◆ **INSTRUCTIONS FOR THE TASK**
Tally the lines below containing "Laminated" and report only the total.

◆ **GIVEN DATA**
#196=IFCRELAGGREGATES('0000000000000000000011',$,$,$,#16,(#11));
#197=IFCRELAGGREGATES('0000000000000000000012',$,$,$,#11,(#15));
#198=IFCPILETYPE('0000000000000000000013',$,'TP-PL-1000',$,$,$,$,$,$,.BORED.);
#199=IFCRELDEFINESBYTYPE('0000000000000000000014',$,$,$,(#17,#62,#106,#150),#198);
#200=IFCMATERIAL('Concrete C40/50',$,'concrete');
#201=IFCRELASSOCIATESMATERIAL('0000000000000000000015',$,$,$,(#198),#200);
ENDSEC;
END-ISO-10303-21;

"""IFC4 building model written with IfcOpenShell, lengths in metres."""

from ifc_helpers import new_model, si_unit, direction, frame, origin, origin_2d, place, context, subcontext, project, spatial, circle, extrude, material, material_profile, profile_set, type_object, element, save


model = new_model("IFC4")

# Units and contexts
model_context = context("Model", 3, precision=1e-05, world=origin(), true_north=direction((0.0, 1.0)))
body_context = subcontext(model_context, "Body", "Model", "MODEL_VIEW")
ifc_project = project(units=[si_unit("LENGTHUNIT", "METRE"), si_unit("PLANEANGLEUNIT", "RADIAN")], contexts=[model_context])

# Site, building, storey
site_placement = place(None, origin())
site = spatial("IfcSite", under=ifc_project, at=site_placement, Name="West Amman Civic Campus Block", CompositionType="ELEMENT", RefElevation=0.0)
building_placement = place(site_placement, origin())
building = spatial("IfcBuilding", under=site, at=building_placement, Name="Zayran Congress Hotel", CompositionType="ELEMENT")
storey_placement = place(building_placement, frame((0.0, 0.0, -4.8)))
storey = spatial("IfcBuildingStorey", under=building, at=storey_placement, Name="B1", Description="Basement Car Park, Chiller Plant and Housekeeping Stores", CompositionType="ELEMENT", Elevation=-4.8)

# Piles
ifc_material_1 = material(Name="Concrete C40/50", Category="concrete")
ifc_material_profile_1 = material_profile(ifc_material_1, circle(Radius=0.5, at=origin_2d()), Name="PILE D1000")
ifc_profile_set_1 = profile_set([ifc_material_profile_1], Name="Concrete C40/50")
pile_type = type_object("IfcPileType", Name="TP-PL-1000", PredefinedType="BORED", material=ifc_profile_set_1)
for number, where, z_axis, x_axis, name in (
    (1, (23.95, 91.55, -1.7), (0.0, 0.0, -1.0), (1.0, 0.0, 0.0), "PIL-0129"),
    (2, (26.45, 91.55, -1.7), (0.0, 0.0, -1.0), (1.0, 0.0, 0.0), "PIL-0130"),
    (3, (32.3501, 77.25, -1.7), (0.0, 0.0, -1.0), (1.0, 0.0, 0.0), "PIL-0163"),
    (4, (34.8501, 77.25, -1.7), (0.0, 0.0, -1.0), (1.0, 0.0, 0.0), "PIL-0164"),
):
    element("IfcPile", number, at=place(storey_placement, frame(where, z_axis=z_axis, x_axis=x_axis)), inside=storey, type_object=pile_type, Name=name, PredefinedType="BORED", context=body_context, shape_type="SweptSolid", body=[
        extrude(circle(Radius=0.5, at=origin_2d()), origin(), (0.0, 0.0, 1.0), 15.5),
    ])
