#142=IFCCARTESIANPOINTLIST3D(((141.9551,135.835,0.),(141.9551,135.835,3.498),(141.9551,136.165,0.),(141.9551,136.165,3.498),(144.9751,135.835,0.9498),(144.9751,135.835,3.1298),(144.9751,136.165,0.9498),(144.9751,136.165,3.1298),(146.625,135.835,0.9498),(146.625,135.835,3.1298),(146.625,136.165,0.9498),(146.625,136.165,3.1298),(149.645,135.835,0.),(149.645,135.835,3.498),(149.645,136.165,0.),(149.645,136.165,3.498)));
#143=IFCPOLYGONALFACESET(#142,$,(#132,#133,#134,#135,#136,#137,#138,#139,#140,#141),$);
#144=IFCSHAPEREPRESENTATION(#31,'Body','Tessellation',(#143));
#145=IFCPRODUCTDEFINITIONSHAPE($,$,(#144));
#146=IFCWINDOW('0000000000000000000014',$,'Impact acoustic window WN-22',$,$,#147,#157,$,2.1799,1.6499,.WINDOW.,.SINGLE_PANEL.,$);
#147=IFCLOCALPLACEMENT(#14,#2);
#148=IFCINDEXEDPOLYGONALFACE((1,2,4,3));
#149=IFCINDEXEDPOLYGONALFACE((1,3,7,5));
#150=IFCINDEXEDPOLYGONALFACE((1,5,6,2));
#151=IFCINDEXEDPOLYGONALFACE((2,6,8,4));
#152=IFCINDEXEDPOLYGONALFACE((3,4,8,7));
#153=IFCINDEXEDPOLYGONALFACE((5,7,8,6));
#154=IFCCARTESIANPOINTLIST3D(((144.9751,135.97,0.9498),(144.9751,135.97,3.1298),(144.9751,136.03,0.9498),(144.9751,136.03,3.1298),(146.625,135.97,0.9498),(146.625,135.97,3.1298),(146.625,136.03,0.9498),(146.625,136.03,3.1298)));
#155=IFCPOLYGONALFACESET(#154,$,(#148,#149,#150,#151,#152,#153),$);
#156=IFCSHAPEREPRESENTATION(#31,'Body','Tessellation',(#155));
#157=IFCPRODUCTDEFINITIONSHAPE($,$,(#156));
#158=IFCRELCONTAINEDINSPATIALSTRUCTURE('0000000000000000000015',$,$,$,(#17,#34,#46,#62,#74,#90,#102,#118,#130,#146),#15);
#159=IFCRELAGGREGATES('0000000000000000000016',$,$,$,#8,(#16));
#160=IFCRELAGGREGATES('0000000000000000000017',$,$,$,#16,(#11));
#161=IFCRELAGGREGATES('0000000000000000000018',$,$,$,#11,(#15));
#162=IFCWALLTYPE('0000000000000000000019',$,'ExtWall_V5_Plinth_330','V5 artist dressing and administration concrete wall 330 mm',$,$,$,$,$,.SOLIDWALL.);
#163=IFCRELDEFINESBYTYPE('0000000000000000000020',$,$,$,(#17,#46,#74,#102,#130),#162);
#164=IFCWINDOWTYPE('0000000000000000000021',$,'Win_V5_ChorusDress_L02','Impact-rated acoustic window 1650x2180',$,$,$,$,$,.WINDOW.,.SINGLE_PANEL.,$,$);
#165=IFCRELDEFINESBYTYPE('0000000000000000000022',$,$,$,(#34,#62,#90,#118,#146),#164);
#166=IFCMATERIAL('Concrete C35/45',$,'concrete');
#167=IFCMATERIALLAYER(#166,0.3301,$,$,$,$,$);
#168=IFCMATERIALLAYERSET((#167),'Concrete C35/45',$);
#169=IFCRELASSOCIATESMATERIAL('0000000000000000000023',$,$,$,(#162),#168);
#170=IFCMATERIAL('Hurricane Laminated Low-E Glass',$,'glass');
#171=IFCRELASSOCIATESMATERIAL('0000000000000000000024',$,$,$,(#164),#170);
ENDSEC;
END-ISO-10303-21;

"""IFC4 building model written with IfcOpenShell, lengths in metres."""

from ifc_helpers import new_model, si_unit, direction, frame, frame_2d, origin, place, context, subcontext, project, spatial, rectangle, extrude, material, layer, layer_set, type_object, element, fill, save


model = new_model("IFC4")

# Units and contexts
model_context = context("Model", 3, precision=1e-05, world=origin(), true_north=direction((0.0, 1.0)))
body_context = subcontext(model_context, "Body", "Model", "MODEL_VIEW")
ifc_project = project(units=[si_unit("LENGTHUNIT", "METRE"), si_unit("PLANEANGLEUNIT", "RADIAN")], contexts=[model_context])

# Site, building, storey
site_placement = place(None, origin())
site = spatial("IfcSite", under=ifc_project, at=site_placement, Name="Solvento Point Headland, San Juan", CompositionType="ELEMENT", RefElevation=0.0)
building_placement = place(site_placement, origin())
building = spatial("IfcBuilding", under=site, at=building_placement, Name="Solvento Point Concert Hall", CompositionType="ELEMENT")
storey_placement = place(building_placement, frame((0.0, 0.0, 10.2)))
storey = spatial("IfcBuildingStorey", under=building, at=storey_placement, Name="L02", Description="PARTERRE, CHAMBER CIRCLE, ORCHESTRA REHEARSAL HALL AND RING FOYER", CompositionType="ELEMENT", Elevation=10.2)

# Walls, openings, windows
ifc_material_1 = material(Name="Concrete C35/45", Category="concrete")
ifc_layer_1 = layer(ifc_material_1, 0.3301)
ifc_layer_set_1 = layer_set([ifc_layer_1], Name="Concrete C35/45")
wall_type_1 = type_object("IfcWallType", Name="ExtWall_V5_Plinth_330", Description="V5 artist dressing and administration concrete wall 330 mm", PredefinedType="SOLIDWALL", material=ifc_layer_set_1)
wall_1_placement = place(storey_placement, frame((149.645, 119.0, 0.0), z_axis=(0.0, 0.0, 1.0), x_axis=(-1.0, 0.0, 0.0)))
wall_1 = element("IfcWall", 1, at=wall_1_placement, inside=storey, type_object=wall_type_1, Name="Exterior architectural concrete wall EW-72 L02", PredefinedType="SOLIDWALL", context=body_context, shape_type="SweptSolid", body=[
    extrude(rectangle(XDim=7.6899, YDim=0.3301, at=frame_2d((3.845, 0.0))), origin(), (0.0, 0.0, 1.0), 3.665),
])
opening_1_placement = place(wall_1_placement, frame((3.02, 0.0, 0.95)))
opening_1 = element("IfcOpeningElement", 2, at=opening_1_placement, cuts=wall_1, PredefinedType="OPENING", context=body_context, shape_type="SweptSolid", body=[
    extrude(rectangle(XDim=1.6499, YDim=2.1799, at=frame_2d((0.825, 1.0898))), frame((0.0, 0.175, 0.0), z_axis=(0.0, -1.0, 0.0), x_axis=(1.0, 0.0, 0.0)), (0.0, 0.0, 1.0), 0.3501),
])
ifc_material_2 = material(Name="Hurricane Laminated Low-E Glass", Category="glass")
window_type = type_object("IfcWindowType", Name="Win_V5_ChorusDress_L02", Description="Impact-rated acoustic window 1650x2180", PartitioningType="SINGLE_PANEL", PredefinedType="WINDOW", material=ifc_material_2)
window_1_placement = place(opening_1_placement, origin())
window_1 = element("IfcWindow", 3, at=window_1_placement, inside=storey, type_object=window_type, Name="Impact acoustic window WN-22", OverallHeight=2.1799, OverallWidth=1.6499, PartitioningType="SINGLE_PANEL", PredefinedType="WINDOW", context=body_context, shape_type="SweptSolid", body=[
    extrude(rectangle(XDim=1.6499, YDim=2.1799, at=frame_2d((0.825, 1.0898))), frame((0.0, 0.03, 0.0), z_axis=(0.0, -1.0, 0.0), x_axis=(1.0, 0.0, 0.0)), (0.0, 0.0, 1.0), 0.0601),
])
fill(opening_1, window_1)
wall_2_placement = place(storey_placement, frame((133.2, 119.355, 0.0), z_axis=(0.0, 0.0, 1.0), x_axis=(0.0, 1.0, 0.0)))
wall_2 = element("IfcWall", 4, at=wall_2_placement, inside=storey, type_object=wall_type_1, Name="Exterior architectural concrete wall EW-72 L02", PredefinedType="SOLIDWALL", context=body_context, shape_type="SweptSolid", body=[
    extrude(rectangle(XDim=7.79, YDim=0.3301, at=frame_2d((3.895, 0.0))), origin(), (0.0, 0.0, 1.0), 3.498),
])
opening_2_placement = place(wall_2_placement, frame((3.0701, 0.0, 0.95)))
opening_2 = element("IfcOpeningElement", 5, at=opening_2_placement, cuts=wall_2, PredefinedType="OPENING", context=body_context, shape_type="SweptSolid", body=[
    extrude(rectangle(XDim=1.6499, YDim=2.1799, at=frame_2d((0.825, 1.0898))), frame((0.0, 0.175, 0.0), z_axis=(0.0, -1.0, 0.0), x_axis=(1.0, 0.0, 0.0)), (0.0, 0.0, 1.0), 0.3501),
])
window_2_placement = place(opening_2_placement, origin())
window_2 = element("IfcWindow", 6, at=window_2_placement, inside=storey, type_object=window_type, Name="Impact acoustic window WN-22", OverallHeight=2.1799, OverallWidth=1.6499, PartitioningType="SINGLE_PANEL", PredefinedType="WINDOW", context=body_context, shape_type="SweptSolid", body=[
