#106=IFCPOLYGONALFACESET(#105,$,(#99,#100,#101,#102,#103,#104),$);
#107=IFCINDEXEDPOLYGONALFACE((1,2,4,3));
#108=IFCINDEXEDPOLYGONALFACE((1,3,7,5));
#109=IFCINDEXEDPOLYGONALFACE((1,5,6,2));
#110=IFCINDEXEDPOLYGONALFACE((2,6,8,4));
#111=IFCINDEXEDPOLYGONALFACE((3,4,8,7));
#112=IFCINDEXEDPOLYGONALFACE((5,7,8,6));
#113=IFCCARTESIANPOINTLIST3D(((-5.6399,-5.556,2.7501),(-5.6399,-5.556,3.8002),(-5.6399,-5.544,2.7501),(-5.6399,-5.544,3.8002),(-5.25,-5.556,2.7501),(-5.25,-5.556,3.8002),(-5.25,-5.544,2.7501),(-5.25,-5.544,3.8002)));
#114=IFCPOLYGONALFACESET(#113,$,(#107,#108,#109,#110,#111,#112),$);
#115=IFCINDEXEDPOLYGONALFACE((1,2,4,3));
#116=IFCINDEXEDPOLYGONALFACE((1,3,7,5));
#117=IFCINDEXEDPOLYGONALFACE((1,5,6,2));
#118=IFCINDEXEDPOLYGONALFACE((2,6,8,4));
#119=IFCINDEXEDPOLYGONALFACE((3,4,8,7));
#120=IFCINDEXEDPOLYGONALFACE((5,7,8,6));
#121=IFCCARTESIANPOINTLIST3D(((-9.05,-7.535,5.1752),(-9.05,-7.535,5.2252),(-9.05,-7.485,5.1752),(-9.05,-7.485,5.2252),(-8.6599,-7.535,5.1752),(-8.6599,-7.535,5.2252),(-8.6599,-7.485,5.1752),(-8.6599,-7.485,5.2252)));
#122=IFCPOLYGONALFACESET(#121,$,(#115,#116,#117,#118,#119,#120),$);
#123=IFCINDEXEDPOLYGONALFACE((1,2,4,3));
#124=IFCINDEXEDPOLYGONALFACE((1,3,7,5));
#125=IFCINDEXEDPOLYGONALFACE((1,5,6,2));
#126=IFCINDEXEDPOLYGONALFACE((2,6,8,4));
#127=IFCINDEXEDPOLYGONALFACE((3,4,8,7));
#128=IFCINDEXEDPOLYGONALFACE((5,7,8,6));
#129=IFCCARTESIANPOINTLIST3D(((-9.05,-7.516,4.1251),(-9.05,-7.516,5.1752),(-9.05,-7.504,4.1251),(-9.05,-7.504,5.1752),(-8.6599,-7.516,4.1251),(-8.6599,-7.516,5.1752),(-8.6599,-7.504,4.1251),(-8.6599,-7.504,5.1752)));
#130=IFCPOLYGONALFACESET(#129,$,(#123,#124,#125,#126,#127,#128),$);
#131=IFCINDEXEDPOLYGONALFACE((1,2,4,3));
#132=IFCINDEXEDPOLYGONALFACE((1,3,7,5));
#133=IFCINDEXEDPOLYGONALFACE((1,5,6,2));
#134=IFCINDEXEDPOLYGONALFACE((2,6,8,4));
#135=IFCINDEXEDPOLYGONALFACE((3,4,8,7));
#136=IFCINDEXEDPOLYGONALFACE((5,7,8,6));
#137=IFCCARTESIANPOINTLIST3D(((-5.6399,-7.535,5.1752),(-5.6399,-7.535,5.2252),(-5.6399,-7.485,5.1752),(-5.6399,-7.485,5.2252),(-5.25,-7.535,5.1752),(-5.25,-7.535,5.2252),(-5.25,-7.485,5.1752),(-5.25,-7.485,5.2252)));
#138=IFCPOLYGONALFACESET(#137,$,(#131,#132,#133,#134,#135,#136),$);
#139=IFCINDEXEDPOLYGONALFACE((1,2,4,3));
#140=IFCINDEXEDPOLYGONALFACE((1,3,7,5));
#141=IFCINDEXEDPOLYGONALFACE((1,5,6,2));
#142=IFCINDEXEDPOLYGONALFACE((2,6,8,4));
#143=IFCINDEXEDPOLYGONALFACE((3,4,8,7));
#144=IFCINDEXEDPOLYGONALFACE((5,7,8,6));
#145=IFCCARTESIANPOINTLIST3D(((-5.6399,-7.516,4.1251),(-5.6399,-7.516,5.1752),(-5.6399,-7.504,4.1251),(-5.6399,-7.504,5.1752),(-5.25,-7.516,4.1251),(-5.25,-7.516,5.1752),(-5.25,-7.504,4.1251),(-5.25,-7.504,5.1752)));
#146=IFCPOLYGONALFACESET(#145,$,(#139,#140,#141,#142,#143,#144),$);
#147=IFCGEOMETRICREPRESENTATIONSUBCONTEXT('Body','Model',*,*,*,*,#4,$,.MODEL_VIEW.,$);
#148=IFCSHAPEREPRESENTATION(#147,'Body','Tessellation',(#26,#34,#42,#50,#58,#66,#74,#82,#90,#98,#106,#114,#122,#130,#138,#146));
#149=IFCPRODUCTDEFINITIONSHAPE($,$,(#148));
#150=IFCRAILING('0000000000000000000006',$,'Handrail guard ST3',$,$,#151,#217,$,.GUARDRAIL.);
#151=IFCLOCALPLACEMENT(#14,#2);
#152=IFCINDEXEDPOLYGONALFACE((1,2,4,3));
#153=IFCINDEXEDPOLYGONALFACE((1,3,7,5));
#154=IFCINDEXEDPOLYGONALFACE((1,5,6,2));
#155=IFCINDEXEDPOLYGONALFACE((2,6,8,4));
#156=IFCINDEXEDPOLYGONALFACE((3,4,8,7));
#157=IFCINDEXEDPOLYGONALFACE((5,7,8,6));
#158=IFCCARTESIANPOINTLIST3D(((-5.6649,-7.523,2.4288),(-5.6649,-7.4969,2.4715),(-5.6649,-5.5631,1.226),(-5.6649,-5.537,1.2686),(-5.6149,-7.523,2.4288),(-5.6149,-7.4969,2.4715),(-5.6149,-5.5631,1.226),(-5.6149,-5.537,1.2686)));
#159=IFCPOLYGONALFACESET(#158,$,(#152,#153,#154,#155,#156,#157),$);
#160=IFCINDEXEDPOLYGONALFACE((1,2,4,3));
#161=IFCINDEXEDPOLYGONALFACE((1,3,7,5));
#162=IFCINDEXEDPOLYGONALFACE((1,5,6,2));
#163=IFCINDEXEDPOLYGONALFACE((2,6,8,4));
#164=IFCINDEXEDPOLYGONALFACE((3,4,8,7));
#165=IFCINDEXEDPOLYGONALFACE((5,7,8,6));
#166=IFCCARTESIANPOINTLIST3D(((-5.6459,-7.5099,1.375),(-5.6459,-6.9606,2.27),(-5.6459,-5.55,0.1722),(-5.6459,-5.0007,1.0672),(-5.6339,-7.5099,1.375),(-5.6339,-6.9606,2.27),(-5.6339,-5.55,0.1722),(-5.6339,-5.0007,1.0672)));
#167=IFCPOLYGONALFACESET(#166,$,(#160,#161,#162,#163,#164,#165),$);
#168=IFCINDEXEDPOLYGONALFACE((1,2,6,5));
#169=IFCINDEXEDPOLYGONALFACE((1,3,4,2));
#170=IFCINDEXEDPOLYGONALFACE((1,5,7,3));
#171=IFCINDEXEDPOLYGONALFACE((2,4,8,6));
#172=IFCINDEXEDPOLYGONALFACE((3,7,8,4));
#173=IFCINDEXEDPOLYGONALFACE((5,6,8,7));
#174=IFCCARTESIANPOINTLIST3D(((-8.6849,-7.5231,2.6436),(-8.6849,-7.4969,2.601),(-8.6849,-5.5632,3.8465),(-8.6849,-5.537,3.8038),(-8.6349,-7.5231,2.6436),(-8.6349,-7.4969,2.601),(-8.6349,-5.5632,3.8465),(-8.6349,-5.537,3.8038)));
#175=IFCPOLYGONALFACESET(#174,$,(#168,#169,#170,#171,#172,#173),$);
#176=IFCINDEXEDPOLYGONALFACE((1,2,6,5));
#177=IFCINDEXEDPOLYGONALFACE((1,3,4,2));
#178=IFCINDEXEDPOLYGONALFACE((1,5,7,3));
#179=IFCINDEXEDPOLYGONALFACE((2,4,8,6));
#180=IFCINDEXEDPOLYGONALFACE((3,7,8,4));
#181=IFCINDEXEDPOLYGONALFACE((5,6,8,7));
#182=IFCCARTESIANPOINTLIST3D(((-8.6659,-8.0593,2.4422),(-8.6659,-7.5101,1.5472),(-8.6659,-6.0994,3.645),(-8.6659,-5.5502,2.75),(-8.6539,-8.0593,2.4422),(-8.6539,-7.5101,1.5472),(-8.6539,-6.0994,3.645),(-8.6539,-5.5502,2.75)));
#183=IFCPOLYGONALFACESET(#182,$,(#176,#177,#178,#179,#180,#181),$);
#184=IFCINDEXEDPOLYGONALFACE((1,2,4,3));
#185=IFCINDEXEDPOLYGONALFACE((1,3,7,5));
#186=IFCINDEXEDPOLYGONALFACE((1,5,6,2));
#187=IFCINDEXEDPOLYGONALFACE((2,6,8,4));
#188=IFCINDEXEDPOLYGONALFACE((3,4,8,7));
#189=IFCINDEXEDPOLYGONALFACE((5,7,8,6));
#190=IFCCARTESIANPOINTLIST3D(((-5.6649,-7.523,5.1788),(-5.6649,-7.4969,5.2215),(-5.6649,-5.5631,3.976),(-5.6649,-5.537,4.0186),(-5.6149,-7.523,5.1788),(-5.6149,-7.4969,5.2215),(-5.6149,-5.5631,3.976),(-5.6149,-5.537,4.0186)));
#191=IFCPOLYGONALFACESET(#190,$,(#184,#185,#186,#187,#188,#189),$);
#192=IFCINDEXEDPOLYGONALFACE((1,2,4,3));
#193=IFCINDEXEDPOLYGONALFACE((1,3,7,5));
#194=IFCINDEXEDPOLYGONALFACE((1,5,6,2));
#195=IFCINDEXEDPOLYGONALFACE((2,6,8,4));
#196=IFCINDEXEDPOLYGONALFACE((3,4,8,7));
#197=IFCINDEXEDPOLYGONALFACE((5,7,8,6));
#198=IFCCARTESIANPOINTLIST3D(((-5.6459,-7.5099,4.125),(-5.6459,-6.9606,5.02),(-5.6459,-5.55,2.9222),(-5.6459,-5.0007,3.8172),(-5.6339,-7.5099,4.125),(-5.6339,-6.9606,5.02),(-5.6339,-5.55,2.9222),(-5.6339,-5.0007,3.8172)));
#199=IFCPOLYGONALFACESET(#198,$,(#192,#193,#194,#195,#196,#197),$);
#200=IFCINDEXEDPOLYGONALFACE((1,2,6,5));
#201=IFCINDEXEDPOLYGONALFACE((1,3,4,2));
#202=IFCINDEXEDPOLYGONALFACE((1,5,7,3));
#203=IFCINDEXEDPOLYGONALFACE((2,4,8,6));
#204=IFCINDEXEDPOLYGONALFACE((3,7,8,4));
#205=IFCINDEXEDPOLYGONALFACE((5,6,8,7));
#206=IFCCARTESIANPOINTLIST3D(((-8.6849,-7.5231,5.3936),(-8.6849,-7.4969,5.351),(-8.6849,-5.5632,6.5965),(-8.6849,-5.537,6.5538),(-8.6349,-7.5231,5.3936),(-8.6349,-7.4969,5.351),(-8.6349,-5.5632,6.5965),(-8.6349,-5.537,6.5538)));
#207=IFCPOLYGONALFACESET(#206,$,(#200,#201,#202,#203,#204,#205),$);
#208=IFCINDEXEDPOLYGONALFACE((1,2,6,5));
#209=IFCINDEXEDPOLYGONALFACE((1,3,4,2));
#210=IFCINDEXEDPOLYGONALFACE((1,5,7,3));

◆ **THE ANSWER**
2